[Records for this exercise]:
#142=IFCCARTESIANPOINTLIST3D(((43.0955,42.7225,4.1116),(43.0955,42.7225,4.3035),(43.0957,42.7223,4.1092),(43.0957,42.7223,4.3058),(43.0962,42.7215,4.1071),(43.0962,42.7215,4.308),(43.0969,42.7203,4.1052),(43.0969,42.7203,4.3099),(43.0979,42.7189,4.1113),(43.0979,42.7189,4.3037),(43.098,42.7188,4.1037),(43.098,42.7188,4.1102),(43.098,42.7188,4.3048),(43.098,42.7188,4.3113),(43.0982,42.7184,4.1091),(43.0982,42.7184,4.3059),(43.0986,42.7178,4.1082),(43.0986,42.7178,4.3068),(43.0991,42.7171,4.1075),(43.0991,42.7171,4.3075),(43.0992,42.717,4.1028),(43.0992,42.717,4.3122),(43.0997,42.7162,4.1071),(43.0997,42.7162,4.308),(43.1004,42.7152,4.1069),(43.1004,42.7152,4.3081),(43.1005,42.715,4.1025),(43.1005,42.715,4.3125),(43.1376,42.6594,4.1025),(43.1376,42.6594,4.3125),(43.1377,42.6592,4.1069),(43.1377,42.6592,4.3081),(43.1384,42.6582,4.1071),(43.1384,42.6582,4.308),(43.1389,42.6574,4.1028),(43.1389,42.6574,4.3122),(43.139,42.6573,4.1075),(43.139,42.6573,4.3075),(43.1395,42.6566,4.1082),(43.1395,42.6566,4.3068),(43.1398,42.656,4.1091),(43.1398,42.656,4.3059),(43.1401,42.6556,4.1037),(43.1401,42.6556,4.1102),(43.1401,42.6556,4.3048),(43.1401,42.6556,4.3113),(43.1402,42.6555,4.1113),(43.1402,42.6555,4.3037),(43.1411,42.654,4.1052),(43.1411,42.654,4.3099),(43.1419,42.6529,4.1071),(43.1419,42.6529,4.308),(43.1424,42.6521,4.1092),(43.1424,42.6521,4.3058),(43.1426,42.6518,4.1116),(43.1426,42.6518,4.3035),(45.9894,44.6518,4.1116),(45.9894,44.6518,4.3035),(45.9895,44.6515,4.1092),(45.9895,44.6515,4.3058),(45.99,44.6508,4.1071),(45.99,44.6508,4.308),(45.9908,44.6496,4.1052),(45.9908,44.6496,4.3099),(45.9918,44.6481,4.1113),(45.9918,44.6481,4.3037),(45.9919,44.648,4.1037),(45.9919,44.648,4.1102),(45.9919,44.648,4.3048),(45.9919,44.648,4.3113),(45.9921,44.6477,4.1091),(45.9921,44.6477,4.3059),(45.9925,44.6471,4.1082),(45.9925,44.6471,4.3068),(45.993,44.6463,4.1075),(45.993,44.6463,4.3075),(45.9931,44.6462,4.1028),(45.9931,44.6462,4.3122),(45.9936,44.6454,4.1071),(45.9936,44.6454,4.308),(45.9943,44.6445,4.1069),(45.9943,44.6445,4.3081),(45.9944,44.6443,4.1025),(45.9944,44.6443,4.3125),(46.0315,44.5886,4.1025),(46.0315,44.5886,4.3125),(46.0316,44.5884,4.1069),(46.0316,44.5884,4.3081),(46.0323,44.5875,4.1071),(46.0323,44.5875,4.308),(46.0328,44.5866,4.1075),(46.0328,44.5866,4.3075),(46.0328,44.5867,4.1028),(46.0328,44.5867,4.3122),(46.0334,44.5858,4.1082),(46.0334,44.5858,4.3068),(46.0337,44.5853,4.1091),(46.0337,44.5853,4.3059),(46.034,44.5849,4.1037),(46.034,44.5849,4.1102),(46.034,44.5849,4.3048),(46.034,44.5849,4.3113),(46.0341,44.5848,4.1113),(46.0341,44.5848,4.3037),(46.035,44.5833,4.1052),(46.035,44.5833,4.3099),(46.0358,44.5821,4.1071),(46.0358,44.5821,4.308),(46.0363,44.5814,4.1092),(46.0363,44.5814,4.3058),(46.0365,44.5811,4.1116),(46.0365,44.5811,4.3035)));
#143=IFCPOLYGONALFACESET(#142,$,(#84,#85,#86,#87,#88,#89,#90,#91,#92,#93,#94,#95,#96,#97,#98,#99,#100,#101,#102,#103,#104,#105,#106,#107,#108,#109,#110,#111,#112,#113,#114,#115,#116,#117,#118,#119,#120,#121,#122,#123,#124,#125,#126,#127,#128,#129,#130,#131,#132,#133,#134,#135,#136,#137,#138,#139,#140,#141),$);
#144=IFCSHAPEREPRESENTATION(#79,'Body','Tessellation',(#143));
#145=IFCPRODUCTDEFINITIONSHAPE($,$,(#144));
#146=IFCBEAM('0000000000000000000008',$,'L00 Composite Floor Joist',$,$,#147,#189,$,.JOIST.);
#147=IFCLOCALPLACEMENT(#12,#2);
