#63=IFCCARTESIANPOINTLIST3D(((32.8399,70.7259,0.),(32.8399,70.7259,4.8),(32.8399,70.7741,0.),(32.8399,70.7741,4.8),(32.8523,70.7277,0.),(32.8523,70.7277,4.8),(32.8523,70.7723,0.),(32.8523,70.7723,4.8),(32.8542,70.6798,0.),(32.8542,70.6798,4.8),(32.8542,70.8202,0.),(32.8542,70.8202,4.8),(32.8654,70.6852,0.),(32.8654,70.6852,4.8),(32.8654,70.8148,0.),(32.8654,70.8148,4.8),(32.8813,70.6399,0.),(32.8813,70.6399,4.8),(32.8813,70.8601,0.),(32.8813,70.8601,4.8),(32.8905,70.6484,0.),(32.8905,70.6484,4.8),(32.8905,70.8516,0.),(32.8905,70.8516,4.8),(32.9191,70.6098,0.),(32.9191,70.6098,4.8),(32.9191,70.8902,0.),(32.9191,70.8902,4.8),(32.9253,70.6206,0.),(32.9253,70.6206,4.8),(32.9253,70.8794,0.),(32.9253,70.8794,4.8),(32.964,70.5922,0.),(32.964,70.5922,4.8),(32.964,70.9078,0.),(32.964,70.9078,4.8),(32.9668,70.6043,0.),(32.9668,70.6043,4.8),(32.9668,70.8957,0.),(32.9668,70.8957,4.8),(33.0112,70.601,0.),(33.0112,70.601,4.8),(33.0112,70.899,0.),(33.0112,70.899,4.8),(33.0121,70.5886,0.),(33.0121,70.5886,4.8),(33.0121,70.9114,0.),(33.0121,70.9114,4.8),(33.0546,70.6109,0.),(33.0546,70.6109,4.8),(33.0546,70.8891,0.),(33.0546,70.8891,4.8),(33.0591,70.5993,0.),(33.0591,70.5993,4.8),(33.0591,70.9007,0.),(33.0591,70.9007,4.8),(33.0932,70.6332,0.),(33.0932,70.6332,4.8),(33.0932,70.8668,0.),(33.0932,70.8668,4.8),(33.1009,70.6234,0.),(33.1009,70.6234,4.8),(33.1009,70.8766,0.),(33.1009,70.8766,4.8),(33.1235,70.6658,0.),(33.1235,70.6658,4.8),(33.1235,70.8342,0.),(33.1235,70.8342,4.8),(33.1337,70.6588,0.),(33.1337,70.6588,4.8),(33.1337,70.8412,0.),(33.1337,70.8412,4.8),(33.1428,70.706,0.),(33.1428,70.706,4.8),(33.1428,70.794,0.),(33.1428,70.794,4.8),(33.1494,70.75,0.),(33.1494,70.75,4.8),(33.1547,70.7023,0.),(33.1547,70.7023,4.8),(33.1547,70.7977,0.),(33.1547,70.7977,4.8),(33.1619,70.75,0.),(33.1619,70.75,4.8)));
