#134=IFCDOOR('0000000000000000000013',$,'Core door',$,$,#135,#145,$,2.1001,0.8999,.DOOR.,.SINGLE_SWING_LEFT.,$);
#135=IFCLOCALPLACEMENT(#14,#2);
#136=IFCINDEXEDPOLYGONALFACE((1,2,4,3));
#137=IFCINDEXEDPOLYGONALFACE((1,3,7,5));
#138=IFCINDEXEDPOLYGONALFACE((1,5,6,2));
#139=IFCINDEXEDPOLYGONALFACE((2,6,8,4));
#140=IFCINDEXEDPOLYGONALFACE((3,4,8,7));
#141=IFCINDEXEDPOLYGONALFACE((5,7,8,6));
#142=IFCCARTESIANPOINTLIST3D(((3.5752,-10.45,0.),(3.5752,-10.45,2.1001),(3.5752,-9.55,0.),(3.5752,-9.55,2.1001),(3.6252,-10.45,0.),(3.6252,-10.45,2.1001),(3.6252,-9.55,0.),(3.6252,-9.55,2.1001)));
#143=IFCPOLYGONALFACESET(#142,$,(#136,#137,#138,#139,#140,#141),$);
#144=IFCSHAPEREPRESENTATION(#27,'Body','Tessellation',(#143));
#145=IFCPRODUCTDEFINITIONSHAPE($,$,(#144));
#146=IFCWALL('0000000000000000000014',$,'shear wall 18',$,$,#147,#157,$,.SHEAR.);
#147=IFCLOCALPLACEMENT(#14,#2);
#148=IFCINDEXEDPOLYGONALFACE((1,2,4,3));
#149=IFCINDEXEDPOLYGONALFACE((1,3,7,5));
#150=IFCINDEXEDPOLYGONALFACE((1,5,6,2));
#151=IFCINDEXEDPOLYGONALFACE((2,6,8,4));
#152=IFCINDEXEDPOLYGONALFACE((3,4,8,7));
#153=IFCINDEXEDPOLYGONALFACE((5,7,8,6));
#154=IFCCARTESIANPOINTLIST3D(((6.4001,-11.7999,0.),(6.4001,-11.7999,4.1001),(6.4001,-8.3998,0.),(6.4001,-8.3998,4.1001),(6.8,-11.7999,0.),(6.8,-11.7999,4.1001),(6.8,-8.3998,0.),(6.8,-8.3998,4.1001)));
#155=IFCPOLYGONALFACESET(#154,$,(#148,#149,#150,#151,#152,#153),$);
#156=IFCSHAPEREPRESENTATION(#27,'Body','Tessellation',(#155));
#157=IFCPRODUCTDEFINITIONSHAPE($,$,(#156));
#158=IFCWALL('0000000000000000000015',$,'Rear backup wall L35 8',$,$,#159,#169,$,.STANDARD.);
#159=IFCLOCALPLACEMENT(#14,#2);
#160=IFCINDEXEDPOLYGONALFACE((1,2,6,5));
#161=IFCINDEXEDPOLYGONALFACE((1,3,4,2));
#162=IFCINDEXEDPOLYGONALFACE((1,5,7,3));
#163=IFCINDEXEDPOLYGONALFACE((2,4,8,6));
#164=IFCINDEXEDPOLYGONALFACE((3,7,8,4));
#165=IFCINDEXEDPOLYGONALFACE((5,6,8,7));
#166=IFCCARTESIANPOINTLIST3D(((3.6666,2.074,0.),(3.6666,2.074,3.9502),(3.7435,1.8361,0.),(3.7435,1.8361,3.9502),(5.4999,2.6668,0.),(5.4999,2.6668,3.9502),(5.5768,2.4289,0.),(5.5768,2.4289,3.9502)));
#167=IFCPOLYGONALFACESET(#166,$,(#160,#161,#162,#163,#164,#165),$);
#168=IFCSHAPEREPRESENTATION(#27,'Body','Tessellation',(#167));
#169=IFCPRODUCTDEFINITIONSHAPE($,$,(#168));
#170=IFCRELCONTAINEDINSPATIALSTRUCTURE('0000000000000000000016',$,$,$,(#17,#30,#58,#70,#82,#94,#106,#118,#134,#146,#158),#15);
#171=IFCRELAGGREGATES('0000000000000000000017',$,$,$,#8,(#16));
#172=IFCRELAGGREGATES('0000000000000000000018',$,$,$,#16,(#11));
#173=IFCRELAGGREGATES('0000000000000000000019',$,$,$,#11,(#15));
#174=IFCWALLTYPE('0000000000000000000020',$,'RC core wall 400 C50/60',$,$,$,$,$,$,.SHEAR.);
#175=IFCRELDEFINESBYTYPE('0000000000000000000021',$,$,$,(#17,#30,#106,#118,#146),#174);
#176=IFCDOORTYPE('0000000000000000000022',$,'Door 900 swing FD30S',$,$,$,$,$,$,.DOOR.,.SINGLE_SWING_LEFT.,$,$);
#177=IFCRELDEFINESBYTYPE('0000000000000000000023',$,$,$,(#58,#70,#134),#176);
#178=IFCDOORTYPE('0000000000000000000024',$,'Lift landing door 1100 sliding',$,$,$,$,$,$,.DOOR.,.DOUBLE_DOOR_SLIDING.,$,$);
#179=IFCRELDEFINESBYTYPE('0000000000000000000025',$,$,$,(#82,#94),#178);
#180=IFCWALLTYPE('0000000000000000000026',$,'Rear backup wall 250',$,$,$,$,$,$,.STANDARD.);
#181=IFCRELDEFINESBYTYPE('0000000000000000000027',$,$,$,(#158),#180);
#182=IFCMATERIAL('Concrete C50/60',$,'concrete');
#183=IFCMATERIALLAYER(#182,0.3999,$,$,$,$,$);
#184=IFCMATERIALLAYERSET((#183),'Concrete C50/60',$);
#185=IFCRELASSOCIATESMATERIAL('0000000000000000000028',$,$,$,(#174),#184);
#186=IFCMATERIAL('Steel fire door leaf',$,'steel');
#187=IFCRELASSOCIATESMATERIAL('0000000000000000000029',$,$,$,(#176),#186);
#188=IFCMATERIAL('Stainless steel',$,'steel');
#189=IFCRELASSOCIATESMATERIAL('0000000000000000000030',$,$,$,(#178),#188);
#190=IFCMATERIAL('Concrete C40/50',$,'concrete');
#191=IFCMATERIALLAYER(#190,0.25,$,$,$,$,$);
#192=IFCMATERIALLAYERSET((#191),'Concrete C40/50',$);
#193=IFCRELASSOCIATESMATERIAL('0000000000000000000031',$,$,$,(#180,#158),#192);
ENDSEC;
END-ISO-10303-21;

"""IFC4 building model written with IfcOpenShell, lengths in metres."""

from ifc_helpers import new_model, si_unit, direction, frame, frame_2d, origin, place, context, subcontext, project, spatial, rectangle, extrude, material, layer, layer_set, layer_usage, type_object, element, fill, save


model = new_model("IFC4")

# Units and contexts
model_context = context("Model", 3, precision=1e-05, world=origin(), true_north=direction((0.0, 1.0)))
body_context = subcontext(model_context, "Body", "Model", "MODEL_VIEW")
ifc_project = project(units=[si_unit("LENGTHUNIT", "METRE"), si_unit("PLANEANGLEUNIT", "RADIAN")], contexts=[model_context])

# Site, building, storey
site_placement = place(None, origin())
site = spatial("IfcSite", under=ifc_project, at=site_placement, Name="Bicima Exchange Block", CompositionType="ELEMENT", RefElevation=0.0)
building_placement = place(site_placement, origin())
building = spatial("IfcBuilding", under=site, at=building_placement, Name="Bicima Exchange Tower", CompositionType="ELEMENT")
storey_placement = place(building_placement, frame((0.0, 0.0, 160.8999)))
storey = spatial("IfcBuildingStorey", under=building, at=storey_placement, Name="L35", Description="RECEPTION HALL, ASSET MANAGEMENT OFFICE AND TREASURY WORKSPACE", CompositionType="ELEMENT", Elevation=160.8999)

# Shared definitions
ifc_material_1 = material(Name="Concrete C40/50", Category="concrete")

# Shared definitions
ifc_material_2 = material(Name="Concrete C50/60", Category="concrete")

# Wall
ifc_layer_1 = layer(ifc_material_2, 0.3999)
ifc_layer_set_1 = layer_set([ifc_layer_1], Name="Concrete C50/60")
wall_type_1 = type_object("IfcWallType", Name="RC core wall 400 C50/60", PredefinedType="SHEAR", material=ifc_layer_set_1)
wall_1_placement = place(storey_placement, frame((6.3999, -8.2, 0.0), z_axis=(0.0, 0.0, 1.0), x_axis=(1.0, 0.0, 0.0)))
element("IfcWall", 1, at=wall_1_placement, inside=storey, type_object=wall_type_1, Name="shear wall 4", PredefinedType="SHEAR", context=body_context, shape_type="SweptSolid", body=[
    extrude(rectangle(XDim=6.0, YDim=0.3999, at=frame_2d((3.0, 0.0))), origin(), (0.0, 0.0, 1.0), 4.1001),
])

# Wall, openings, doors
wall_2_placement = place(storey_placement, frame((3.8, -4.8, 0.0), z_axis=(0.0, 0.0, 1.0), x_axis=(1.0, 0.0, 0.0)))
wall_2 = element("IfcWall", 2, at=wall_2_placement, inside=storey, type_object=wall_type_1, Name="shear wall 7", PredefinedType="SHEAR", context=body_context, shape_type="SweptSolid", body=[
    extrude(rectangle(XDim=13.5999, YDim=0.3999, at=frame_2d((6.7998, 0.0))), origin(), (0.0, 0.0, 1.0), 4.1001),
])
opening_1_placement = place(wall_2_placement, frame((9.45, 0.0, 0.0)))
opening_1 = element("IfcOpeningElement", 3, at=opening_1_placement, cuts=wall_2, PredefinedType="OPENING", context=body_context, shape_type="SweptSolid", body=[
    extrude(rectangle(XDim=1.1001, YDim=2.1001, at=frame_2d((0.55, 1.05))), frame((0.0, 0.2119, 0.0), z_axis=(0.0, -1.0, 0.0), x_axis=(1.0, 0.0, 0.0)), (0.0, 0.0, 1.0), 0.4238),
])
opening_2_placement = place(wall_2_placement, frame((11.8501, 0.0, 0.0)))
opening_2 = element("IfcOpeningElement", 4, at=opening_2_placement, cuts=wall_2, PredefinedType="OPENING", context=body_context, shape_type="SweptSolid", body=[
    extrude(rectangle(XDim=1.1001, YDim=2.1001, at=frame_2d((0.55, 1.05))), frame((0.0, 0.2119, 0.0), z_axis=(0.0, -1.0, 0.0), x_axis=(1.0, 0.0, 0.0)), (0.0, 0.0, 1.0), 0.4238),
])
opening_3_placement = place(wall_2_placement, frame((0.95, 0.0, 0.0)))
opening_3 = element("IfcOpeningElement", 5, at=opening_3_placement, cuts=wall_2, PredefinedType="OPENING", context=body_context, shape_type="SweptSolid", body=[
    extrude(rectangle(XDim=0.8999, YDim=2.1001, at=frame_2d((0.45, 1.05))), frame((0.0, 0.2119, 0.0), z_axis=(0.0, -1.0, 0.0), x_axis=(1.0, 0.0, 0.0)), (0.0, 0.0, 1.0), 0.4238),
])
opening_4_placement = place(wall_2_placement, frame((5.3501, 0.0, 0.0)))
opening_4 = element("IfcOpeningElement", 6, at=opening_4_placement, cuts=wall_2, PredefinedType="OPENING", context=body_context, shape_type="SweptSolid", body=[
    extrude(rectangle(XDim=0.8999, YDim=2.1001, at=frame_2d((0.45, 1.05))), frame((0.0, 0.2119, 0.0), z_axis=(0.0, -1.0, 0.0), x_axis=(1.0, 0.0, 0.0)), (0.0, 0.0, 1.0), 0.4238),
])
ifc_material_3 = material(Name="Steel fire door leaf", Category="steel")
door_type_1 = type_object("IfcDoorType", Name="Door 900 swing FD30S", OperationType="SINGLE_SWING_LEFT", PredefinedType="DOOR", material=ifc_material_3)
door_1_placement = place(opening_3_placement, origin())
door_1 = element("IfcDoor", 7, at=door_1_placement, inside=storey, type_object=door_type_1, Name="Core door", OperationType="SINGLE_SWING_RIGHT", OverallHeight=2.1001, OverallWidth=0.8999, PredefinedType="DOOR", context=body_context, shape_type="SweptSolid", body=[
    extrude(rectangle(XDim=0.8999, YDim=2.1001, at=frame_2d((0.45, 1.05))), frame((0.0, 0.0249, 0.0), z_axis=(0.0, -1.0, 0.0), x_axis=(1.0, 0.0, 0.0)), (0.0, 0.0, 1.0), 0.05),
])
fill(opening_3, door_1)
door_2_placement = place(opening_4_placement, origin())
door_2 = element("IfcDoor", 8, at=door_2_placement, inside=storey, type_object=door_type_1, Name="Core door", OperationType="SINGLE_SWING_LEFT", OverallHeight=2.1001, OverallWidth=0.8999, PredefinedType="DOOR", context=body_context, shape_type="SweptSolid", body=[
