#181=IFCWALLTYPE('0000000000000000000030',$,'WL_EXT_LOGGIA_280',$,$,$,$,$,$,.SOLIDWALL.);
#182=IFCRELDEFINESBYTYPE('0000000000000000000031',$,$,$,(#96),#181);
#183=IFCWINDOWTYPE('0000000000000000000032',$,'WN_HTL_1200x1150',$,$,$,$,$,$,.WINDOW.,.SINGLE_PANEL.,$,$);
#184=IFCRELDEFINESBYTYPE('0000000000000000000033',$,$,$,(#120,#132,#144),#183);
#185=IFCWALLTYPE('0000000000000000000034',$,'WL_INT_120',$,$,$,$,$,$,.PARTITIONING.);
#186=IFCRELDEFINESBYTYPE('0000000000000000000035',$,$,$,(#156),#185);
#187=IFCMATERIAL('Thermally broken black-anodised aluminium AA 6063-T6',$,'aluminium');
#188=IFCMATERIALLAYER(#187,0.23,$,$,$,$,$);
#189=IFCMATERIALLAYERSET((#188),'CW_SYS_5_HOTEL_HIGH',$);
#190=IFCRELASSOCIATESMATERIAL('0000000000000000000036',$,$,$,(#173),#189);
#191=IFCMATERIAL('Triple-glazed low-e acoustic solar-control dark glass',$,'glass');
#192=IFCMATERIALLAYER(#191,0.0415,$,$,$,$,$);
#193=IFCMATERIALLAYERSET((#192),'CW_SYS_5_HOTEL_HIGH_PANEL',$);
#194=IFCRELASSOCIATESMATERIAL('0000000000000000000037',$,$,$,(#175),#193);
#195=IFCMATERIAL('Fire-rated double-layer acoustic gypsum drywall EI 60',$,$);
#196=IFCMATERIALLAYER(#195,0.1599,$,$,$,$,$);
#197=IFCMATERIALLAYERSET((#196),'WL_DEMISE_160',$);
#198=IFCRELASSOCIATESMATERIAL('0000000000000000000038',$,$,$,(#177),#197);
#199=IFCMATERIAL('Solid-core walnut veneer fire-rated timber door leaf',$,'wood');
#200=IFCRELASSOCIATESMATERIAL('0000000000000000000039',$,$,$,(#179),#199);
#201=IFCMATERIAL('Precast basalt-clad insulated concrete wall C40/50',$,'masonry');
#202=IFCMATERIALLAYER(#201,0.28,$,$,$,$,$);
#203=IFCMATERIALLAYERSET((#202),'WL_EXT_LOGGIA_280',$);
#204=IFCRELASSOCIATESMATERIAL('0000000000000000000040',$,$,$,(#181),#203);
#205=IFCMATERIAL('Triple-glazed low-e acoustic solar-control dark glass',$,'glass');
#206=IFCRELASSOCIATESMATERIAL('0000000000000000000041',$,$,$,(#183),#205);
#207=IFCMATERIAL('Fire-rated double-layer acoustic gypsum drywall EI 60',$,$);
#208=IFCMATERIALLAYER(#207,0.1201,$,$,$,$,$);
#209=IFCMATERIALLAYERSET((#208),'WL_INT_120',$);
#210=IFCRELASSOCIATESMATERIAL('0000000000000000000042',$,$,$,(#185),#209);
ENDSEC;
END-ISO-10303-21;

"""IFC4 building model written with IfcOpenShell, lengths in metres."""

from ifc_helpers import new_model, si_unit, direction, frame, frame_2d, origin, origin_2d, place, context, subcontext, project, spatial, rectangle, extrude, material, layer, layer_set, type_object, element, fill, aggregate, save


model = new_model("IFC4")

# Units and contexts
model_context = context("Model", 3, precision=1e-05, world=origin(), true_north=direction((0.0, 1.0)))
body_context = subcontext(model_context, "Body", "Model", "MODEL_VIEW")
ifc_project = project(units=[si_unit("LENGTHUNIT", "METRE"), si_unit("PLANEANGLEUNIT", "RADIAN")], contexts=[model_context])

[Task objective]: Take the stretch of lines above from the one containing "#153=IFCINDEXEDPOLYGONALFACE((5,7,8,6));" through the one containing "#156=IFCSHAPEREPRESENTATION(#27,'Body','Tessellation',(#155));" and repeat it exactly, adding no other line.

[Solution to this exercise]:
#153=IFCINDEXEDPOLYGONALFACE((5,7,8,6));
#154=IFCCARTESIANPOINTLIST3D(((6.4001,-11.7999,0.),(6.4001,-11.7999,4.1001),(6.4001,-8.3998,0.),(6.4001,-8.3998,4.1001),(6.8,-11.7999,0.),(6.8,-11.7999,4.1001),(6.8,-8.3998,0.),(6.8,-8.3998,4.1001)));
#155=IFCPOLYGONALFACESET(#154,$,(#148,#149,#150,#151,#152,#153),$);
#156=IFCSHAPEREPRESENTATION(#27,'Body','Tessellation',(#155));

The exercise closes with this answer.